----- Extracted data -----
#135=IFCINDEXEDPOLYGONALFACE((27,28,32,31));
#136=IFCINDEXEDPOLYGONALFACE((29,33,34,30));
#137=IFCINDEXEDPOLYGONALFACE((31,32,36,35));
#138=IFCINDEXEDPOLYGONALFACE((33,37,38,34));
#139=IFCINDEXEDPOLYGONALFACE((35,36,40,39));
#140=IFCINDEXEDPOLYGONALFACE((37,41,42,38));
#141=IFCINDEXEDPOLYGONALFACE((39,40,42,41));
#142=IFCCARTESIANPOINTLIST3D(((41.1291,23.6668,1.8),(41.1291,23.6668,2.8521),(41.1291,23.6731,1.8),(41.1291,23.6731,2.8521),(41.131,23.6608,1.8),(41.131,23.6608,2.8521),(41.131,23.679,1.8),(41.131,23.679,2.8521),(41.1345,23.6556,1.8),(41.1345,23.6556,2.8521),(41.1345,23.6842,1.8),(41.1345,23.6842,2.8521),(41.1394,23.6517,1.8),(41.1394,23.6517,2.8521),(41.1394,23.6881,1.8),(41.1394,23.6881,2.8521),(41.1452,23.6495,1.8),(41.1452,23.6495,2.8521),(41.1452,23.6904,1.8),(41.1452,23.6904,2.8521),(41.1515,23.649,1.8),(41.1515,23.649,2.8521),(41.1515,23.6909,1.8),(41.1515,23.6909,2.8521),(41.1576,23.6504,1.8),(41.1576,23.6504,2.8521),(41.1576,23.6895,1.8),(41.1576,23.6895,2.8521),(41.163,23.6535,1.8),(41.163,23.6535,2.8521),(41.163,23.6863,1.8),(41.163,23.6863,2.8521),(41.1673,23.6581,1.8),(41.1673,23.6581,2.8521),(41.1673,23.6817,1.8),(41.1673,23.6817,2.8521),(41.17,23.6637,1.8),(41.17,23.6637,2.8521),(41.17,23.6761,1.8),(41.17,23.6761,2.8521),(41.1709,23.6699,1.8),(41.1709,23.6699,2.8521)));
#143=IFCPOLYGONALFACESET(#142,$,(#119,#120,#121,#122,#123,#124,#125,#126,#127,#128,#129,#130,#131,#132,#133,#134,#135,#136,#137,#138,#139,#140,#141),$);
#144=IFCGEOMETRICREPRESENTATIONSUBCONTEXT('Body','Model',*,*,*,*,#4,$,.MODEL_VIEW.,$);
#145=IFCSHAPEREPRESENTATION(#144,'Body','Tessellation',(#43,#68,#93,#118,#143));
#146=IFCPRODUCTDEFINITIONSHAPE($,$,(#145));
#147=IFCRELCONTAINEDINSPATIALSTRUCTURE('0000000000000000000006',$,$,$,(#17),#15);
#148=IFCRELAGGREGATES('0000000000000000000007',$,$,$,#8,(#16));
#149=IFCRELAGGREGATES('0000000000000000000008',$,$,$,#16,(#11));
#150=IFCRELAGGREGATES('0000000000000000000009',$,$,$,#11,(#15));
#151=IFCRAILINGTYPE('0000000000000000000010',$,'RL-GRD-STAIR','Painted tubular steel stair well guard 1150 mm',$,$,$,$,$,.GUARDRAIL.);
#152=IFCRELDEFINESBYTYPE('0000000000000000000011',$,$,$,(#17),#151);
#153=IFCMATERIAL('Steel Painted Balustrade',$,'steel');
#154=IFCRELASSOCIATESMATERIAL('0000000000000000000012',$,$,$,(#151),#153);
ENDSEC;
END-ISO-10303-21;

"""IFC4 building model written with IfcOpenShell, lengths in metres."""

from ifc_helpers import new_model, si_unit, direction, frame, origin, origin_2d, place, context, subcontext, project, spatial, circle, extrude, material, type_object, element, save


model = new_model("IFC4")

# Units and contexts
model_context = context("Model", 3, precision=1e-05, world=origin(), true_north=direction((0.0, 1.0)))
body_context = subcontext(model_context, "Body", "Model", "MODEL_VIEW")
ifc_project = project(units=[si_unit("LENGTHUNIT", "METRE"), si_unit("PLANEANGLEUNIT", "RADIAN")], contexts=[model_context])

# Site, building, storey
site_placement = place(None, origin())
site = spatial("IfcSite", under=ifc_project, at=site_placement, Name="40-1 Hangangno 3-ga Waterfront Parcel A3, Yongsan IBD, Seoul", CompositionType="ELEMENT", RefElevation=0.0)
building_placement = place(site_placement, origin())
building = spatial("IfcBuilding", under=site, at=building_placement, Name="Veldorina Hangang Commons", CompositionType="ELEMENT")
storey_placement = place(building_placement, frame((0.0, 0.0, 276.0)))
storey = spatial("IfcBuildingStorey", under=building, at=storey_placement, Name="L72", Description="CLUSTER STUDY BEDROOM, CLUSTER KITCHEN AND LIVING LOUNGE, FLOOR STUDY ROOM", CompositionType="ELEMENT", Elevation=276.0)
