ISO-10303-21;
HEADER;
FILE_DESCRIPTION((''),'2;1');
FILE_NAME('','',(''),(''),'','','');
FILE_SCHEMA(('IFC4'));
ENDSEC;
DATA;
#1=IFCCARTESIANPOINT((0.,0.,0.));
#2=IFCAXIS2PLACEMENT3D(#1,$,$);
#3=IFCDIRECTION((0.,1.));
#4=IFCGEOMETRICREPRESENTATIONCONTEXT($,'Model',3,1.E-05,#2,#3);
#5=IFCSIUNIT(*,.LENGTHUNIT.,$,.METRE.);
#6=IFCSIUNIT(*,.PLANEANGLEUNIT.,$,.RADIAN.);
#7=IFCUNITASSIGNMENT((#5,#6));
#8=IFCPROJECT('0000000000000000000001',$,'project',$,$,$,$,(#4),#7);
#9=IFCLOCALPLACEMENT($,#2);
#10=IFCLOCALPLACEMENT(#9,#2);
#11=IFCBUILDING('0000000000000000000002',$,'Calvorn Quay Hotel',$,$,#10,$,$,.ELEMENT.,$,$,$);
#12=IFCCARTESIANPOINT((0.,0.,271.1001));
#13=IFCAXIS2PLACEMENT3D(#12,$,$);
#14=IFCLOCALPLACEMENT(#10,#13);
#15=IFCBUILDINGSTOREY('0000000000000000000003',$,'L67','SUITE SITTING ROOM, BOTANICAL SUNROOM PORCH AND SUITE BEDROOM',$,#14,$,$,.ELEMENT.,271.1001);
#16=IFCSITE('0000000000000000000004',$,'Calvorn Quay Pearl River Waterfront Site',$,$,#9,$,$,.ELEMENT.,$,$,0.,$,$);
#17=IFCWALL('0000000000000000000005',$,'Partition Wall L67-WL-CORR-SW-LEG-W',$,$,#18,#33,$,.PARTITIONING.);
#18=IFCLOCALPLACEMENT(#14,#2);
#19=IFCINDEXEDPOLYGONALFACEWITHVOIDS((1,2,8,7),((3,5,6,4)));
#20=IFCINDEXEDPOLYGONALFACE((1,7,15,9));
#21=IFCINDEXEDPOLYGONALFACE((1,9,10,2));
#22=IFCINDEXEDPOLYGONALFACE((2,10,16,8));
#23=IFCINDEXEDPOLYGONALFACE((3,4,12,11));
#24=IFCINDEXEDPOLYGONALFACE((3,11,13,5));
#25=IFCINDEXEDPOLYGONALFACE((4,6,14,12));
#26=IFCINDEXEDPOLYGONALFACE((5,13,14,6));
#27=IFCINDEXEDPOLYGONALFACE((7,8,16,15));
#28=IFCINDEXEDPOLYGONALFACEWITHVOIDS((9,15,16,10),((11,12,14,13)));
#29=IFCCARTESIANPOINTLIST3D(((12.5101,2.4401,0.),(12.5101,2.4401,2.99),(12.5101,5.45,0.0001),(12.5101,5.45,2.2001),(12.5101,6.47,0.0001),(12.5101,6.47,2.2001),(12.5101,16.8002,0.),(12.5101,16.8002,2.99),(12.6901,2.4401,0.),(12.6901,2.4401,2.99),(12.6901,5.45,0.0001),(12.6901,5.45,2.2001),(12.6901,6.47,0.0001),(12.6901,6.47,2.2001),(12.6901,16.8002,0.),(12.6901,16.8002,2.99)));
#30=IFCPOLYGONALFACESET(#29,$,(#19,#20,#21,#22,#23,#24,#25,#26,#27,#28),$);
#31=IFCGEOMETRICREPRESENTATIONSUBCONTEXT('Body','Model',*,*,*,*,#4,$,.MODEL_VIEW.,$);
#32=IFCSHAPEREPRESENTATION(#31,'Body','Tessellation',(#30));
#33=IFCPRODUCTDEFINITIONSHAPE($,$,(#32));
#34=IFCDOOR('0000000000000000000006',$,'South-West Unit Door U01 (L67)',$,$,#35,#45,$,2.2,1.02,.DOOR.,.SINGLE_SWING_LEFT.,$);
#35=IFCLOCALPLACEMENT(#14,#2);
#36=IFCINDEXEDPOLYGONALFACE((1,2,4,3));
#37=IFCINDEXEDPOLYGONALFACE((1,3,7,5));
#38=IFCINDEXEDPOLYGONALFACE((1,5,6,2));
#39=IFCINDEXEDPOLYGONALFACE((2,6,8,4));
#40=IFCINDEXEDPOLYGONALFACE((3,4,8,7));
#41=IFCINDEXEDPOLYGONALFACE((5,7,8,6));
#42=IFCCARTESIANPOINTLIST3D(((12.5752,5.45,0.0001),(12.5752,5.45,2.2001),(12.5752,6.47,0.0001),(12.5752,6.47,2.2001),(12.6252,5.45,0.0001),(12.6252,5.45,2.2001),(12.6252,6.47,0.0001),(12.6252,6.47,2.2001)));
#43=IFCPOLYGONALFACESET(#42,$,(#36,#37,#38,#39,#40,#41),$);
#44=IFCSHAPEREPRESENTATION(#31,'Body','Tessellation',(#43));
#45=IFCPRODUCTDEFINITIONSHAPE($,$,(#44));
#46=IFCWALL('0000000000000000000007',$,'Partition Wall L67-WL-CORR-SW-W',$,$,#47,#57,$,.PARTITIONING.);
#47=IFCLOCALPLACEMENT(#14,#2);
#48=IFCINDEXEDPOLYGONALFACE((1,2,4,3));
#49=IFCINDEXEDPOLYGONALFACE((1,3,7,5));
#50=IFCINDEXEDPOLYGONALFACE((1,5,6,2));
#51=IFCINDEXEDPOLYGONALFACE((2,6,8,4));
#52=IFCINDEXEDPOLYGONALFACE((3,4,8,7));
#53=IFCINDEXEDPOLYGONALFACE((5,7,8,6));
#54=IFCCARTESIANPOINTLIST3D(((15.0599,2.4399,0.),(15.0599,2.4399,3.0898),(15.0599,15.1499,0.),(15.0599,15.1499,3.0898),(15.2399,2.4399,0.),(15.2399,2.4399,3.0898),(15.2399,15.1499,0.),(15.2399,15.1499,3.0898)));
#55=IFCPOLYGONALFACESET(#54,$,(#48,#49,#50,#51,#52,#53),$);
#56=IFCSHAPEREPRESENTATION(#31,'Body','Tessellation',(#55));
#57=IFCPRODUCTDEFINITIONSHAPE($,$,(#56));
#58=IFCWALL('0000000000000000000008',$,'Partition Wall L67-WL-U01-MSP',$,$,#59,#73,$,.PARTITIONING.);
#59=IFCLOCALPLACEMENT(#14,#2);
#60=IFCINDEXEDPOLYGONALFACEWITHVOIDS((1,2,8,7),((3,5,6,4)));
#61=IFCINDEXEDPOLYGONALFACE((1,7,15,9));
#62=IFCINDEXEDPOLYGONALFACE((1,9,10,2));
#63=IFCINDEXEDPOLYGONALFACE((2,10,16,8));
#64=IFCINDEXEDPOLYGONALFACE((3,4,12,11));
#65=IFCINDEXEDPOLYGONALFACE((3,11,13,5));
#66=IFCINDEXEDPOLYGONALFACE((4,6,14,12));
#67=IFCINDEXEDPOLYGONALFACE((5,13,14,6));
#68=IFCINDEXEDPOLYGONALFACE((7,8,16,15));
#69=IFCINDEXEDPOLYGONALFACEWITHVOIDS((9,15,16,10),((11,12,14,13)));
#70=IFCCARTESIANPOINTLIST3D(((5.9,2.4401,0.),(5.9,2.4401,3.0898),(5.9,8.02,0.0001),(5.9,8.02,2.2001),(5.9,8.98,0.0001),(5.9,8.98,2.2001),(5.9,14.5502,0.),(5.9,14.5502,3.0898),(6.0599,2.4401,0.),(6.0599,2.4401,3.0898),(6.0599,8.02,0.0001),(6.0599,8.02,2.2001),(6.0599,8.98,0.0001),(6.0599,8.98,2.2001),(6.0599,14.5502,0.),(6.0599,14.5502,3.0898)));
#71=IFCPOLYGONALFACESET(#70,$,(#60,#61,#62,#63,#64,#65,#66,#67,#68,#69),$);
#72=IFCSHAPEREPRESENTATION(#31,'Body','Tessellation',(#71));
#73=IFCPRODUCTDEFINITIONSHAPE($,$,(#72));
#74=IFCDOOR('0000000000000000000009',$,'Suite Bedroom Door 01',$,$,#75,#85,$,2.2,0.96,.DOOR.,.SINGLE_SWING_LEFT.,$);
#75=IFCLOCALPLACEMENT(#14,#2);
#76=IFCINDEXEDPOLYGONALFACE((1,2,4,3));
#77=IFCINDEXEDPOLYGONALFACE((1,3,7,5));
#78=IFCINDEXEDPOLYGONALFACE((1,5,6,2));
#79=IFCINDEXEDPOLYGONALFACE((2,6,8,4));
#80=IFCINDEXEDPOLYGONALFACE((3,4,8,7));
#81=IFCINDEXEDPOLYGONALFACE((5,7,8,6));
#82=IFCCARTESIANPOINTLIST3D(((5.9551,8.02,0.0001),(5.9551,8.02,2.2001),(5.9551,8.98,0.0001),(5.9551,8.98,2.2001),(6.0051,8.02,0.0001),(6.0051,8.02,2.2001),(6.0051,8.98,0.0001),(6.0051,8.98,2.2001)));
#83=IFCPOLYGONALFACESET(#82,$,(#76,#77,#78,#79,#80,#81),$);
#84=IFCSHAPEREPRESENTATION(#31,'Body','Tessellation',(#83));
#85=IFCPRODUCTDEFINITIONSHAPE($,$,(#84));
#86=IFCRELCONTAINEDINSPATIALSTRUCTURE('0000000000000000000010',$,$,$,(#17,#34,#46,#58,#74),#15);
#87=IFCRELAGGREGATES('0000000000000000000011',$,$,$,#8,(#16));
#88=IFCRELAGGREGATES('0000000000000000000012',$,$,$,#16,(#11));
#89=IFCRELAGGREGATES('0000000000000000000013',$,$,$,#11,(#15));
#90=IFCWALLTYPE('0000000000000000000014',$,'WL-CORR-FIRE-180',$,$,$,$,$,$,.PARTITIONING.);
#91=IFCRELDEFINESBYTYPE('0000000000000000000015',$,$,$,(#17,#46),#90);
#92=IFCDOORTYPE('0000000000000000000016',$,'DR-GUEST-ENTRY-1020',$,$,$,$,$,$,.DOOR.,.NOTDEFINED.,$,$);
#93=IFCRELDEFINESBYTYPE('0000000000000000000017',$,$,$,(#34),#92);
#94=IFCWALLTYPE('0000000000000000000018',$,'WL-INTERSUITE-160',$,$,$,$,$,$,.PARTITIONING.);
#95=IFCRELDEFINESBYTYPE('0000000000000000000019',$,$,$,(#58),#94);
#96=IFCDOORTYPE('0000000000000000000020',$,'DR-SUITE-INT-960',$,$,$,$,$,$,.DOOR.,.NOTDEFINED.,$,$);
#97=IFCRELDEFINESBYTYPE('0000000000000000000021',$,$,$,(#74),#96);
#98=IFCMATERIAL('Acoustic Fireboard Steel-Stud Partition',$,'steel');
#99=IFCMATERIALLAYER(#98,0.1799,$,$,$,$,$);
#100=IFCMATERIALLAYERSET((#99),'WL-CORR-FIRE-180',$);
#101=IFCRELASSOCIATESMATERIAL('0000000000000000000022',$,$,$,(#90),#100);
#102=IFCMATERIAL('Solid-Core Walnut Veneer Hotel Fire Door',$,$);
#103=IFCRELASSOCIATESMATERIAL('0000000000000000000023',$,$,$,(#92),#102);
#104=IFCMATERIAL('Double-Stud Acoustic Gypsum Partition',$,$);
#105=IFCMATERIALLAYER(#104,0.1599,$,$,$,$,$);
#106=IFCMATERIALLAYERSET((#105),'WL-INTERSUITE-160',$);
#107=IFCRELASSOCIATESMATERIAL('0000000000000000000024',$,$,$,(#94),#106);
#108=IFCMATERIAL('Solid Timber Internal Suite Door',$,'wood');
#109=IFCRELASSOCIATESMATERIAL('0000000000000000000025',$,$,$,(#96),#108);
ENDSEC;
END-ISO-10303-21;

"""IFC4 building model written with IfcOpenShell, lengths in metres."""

from ifc_helpers import new_model, si_unit, direction, frame, frame_2d, origin, place, context, subcontext, project, spatial, rectangle, extrude, material, layer, layer_set, type_object, element, fill, save


model = new_model("IFC4")

# Units and contexts
model_context = context("Model", 3, precision=1e-05, world=origin(), true_north=direction((0.0, 1.0)))
body_context = subcontext(model_context, "Body", "Model", "MODEL_VIEW")
ifc_project = project(units=[si_unit("LENGTHUNIT", "METRE"), si_unit("PLANEANGLEUNIT", "RADIAN")], contexts=[model_context])

# Site, building, storey
site_placement = place(None, origin())
site = spatial("IfcSite", under=ifc_project, at=site_placement, Name="Calvorn Quay Pearl River Waterfront Site", CompositionType="ELEMENT", RefElevation=0.0)
building_placement = place(site_placement, origin())
building = spatial("IfcBuilding", under=site, at=building_placement, Name="Calvorn Quay Hotel", CompositionType="ELEMENT")
storey_placement = place(building_placement, frame((0.0, 0.0, 271.1001)))
storey = spatial("IfcBuildingStorey", under=building, at=storey_placement, Name="L67", Description="SUITE SITTING ROOM, BOTANICAL SUNROOM PORCH AND SUITE BEDROOM", CompositionType="ELEMENT", Elevation=271.1001)

# Wall, opening, door
ifc_material_1 = material(Name="Acoustic Fireboard Steel-Stud Partition", Category="steel")
ifc_layer_1 = layer(ifc_material_1, 0.1799)
ifc_layer_set_1 = layer_set([ifc_layer_1], Name="WL-CORR-FIRE-180")
wall_type_1 = type_object("IfcWallType", Name="WL-CORR-FIRE-180", PredefinedType="PARTITIONING", material=ifc_layer_set_1)
wall_1_placement = place(storey_placement, frame((12.6001, 2.4399, 0.0), z_axis=(0.0, 0.0, 1.0), x_axis=(0.0, 1.0, 0.0)))
wall_1 = element("IfcWall", 1, at=wall_1_placement, inside=storey, type_object=wall_type_1, Name="Partition Wall L67-WL-CORR-SW-LEG-W", PredefinedType="PARTITIONING", context=body_context, shape_type="SweptSolid", body=[
    extrude(rectangle(XDim=14.3601, YDim=0.1799, at=frame_2d((7.1802, 0.0))), origin(), (0.0, 0.0, 1.0), 2.99),
])
opening_1_placement = place(wall_1_placement, frame((3.01, 0.0, 0.0)))
opening_1 = element("IfcOpeningElement", 2, at=opening_1_placement, cuts=wall_1, PredefinedType="OPENING", context=body_context, shape_type="SweptSolid", body=[
    extrude(rectangle(XDim=1.02, YDim=2.2, at=frame_2d((0.51, 1.1001))), frame((0.0, 0.0999, 0.0), z_axis=(0.0, -1.0, 0.0), x_axis=(1.0, 0.0, 0.0)), (0.0, 0.0, 1.0), 0.2),
])
ifc_material_2 = material(Name="Solid-Core Walnut Veneer Hotel Fire Door")
door_type_1 = type_object("IfcDoorType", Name="DR-GUEST-ENTRY-1020", OperationType="NOTDEFINED", PredefinedType="DOOR", material=ifc_material_2)
door_1_placement = place(opening_1_placement, origin())
door_1 = element("IfcDoor", 3, at=door_1_placement, inside=storey, type_object=door_type_1, Name="South-West Unit Door U01 (L67)", OperationType="SINGLE_SWING_LEFT", OverallHeight=2.2, OverallWidth=1.02, PredefinedType="DOOR", context=body_context, shape_type="SweptSolid", body=[
    extrude(rectangle(XDim=1.02, YDim=2.2, at=frame_2d((0.51, 1.1001))), frame((0.0, 0.0249, 0.0), z_axis=(0.0, -1.0, 0.0), x_axis=(1.0, 0.0, 0.0)), (0.0, 0.0, 1.0), 0.05),
])
fill(opening_1, door_1)

# Wall
wall_2_placement = place(storey_placement, frame((15.1499, 2.4399, 0.0), z_axis=(0.0, 0.0, 1.0), x_axis=(0.0, 1.0, 0.0)))
element("IfcWall", 4, at=wall_2_placement, inside=storey, type_object=wall_type_1, Name="Partition Wall L67-WL-CORR-SW-W", PredefinedType="PARTITIONING", context=body_context, shape_type="SweptSolid", body=[
    extrude(rectangle(XDim=12.71, YDim=0.1799, at=frame_2d((6.355, 0.0))), origin(), (0.0, 0.0, 1.0), 3.0898),
])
-----
▶ What is required
Reproduce the lines of the records exactly, from the first one through the line that contains "#141=IFCINDEXEDPOLYGONALFACE((39,40,42,41));".

▶ Completed task
#135=IFCINDEXEDPOLYGONALFACE((27,28,32,31));
#136=IFCINDEXEDPOLYGONALFACE((29,33,34,30));
#137=IFCINDEXEDPOLYGONALFACE((31,32,36,35));
#138=IFCINDEXEDPOLYGONALFACE((33,37,38,34));
#139=IFCINDEXEDPOLYGONALFACE((35,36,40,39));
#140=IFCINDEXEDPOLYGONALFACE((37,41,42,38));
#141=IFCINDEXEDPOLYGONALFACE((39,40,42,41));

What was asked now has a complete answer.